Consider the material that follows. How many of its lines contain "OverallDepth"? Reply with the number alone.

Source data:
--*--

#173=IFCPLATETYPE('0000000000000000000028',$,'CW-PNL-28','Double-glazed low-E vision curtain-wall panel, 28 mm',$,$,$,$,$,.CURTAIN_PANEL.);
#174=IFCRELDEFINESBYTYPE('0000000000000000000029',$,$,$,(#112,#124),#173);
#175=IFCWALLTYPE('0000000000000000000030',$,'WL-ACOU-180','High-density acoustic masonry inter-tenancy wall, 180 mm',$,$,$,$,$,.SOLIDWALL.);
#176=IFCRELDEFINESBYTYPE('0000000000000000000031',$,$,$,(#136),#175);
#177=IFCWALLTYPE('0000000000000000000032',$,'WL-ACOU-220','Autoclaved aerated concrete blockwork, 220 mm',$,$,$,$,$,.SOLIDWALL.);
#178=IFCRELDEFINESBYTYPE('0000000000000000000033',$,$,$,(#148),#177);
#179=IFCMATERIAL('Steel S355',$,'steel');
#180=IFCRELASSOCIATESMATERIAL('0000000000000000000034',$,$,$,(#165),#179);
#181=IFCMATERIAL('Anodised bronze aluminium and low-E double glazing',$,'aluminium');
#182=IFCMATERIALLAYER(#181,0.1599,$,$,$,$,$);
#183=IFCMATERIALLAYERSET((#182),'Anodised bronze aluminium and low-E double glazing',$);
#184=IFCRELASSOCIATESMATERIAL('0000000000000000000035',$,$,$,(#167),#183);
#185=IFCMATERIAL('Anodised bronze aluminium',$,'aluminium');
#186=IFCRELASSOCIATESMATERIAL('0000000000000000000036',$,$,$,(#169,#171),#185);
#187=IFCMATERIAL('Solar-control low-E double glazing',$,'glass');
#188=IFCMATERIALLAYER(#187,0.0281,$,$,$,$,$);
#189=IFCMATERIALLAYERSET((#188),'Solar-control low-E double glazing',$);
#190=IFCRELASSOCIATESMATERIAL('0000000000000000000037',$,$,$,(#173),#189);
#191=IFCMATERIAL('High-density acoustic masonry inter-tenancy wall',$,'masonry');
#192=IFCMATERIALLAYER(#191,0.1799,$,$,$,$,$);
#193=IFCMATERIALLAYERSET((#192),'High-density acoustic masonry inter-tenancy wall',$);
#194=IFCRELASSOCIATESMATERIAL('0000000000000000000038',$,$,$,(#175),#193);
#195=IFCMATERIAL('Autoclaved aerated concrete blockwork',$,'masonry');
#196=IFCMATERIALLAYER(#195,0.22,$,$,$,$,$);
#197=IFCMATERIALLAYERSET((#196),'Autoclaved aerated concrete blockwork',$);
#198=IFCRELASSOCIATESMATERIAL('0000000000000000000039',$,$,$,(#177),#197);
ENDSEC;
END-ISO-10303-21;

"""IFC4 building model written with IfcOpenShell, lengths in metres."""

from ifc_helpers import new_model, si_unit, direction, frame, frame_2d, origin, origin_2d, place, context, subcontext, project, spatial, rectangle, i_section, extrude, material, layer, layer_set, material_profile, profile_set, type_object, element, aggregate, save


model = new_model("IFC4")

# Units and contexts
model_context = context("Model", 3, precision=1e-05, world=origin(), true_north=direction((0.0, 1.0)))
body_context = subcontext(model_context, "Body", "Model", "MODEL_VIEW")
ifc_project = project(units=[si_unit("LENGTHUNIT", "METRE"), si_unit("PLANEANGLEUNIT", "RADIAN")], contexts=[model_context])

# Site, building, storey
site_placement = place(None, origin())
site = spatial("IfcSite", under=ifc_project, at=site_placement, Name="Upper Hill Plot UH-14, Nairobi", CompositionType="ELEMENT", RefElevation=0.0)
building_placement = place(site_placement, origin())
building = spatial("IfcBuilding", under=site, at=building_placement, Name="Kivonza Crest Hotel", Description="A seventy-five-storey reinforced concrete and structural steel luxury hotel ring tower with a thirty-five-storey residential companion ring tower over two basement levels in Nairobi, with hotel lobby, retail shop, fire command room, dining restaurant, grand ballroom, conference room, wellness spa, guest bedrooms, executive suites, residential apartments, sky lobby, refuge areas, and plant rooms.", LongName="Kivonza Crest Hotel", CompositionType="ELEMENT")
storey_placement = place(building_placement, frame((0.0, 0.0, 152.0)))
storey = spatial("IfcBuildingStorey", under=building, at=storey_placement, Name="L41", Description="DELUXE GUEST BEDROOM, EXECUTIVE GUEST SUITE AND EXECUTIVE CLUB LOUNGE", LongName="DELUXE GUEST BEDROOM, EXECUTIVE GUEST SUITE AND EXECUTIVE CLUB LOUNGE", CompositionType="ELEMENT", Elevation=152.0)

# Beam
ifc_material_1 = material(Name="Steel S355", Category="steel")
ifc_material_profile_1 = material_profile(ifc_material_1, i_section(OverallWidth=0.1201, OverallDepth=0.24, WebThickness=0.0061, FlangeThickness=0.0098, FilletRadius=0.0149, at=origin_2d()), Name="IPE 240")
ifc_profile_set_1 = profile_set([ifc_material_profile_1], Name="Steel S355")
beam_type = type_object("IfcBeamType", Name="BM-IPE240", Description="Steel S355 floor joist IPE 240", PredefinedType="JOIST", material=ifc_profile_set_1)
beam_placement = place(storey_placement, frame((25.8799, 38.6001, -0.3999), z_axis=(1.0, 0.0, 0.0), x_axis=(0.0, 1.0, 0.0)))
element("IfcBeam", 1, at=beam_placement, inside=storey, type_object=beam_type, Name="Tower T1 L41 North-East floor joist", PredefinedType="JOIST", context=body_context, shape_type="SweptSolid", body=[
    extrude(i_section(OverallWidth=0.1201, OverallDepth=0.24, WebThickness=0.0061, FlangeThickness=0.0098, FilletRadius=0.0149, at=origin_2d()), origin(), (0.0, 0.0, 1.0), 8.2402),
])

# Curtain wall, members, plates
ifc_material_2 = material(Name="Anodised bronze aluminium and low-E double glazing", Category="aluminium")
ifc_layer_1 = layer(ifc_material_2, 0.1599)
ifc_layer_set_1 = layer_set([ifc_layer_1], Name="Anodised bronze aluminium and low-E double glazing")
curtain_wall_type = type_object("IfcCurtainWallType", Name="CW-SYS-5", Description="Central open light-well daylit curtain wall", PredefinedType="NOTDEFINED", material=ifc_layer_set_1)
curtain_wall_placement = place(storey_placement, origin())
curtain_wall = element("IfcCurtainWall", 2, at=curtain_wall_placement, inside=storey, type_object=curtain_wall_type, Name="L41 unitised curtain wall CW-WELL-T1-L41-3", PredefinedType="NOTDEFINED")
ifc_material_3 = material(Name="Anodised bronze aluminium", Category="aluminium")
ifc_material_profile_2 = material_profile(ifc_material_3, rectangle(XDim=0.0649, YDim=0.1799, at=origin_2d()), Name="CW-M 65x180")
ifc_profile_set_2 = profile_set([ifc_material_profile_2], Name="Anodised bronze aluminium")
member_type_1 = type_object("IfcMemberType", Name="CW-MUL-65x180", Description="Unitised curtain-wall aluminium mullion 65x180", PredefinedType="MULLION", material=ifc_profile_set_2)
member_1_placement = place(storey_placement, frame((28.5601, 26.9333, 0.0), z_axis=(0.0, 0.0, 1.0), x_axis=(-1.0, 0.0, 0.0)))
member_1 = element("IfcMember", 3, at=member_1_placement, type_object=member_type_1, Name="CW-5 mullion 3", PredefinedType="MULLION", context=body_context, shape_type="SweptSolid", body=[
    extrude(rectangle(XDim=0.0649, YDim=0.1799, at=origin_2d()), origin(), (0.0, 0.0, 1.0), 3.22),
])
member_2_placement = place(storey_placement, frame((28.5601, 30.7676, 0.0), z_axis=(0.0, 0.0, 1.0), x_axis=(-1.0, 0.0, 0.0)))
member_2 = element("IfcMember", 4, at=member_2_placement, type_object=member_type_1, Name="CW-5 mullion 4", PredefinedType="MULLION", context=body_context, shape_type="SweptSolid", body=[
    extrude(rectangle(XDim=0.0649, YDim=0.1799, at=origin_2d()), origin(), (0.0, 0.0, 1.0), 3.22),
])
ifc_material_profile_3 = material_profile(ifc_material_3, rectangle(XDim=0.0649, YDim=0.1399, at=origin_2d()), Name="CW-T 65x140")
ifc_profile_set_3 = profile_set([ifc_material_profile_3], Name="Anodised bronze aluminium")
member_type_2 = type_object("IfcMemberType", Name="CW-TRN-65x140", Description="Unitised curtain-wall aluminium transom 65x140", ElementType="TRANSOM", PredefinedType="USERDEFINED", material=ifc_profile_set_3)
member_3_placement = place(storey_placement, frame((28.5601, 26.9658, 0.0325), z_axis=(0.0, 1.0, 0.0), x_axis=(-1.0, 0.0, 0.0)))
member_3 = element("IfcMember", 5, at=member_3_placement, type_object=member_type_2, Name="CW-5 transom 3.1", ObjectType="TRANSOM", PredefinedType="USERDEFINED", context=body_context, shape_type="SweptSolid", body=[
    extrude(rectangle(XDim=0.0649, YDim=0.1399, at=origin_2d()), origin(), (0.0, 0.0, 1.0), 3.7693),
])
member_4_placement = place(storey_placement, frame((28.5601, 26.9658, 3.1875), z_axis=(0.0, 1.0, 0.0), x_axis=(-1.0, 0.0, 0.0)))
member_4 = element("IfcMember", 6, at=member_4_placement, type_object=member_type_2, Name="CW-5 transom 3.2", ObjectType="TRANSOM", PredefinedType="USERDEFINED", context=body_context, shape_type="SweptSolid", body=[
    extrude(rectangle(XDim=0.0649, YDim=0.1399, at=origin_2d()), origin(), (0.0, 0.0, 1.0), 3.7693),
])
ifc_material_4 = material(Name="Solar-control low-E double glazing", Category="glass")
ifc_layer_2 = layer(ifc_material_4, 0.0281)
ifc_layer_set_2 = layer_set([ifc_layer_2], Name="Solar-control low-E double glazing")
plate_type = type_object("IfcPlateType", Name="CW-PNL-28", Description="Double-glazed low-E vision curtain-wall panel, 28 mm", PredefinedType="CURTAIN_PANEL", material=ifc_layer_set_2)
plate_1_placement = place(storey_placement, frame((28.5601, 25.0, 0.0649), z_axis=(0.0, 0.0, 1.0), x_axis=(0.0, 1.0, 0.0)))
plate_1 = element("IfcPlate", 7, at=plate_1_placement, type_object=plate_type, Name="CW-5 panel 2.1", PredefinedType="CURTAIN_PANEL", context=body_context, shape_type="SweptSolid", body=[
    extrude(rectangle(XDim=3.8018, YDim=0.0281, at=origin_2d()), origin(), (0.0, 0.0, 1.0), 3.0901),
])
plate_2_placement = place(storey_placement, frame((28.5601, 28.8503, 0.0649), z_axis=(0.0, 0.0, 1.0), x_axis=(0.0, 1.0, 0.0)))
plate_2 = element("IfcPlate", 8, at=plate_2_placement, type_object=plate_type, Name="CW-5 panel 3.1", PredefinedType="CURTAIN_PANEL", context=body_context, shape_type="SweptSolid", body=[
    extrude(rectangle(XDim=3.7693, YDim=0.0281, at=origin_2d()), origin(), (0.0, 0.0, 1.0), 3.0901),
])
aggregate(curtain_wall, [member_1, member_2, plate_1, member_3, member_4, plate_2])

--*--

Completed exercise:
2